Goal of the exercise - Take every line from the records below that includes the word "contexts".
■ ■ ■ ■
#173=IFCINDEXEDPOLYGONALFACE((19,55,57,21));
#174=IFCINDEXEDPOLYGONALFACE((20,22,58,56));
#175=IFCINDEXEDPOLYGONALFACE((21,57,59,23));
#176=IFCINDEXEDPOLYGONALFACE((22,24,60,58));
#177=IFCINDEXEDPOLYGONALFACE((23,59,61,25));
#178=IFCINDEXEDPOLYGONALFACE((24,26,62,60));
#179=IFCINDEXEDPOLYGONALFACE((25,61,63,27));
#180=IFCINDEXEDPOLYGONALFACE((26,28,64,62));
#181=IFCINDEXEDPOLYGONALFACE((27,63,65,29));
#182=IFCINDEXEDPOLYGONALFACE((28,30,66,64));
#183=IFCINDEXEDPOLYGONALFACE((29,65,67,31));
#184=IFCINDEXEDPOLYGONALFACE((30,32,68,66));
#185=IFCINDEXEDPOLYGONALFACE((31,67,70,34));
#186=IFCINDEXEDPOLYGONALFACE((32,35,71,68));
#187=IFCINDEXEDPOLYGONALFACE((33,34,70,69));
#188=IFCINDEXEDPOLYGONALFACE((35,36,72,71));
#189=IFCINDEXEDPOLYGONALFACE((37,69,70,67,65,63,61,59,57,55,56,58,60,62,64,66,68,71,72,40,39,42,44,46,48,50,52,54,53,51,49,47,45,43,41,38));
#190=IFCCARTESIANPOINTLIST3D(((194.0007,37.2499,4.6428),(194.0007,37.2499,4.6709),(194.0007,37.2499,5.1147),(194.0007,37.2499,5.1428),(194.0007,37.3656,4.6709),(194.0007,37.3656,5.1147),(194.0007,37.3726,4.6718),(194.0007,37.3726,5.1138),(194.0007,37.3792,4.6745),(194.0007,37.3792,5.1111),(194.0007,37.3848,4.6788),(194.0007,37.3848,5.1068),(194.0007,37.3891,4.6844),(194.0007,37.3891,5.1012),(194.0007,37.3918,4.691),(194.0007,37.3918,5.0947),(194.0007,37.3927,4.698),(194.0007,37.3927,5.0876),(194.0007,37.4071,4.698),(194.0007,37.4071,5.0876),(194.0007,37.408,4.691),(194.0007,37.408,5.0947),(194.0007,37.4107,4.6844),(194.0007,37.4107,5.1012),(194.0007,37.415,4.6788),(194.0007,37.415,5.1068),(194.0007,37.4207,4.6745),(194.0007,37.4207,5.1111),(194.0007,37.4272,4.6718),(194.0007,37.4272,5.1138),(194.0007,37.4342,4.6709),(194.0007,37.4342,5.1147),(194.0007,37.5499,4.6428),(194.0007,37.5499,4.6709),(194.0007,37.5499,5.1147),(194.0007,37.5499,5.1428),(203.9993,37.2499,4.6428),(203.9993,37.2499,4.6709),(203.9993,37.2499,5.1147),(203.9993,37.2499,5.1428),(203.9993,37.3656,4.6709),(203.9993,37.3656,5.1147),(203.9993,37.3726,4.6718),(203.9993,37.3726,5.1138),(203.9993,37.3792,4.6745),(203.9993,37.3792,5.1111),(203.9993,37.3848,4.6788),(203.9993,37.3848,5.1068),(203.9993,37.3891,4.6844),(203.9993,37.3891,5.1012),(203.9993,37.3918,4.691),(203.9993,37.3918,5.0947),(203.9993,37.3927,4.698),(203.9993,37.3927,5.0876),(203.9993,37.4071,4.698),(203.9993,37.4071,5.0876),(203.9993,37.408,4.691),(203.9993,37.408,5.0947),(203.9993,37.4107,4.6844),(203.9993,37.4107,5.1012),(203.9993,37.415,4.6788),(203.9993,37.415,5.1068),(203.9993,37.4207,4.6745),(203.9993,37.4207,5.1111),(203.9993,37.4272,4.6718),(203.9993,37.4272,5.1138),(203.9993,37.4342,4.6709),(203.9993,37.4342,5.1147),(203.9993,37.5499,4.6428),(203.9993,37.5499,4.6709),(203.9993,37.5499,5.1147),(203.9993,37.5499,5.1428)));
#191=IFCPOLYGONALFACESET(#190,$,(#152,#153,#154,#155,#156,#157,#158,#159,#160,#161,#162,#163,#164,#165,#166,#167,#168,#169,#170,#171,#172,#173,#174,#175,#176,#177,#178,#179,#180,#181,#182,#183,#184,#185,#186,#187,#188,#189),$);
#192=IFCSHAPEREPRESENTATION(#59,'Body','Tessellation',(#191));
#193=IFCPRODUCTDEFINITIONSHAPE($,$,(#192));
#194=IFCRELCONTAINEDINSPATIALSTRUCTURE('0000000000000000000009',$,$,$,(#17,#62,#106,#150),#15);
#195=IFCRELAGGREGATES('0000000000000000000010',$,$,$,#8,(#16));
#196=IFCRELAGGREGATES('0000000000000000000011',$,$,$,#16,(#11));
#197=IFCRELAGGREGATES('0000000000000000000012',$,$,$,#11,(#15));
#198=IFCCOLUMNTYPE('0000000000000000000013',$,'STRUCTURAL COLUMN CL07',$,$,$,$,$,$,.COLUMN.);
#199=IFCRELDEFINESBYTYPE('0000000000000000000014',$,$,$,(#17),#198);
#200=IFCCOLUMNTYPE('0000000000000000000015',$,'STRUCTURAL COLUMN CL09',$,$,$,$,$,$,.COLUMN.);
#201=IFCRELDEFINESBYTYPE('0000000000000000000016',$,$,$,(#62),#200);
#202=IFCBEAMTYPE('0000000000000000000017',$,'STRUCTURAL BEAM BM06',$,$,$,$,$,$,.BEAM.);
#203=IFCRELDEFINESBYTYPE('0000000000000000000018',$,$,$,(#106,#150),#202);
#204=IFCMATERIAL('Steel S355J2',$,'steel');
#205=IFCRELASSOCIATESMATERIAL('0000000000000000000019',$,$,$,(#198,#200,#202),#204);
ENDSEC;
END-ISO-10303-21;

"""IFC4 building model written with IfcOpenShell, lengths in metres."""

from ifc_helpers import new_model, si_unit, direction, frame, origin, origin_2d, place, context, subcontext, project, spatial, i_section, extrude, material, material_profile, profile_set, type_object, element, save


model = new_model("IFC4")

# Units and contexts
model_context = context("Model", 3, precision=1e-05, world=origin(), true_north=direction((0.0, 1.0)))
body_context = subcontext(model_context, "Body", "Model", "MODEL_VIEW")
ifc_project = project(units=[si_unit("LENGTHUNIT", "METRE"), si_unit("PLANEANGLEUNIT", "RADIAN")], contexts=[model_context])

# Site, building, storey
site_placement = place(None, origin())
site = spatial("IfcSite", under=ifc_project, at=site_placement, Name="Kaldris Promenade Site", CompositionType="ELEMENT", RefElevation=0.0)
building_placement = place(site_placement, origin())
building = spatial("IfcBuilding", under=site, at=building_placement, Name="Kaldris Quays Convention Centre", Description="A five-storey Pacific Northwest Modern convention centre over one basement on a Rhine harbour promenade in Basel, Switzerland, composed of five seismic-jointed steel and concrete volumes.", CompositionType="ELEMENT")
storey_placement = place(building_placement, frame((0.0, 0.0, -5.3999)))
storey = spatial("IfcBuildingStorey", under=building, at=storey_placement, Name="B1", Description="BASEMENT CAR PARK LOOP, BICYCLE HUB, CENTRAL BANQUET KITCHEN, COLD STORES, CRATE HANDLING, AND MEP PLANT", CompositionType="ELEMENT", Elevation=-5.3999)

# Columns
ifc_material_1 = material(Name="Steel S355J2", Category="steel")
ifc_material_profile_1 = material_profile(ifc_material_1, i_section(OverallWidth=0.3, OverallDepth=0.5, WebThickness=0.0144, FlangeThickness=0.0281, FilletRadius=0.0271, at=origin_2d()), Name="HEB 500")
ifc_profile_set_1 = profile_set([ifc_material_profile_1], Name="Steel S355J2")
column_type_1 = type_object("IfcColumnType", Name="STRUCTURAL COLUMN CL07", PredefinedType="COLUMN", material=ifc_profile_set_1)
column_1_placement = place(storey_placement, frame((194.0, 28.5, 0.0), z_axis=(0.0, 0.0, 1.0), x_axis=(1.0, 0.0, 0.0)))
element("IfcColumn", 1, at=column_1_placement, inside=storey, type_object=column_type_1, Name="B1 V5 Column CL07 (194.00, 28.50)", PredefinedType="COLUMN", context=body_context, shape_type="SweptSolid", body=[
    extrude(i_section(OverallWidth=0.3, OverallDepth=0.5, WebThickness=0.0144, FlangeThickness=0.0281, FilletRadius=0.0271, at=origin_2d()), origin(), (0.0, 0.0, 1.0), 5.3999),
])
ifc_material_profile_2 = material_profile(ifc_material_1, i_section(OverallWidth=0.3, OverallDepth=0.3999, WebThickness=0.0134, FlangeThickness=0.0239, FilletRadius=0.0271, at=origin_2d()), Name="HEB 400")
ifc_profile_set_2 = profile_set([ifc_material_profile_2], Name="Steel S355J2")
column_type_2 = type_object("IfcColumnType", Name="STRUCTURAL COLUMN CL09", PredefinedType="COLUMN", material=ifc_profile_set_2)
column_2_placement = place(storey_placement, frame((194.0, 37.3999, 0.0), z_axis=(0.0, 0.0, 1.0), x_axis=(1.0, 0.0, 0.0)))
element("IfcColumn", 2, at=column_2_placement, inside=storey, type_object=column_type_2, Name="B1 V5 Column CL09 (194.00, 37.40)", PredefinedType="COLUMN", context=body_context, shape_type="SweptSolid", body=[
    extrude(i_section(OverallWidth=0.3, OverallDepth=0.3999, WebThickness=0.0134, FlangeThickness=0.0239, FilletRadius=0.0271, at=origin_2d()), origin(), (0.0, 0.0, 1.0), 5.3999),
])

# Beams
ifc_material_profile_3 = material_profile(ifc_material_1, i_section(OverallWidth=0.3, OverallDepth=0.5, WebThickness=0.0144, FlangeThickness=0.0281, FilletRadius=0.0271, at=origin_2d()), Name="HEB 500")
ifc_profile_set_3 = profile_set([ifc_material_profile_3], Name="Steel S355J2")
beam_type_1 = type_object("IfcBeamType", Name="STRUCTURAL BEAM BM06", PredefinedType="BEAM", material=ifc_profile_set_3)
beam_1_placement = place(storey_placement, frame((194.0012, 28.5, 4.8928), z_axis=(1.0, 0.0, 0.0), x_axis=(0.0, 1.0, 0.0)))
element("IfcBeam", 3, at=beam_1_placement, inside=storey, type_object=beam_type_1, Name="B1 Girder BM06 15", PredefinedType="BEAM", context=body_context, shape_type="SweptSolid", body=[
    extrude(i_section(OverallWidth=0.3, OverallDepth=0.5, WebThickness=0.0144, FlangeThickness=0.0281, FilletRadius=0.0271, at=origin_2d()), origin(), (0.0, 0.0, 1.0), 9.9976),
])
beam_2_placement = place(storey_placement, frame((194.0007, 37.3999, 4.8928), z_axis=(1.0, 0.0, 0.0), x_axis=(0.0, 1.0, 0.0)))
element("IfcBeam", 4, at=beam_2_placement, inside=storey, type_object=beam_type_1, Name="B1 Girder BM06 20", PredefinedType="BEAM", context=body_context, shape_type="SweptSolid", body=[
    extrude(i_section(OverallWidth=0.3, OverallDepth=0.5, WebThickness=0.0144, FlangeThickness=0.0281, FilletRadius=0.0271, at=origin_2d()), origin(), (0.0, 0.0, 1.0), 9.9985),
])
■ ■ ■ ■
Reply -
# Units and contexts
ifc_project = project(units=[si_unit("LENGTHUNIT", "METRE"), si_unit("PLANEANGLEUNIT", "RADIAN")], contexts=[model_context])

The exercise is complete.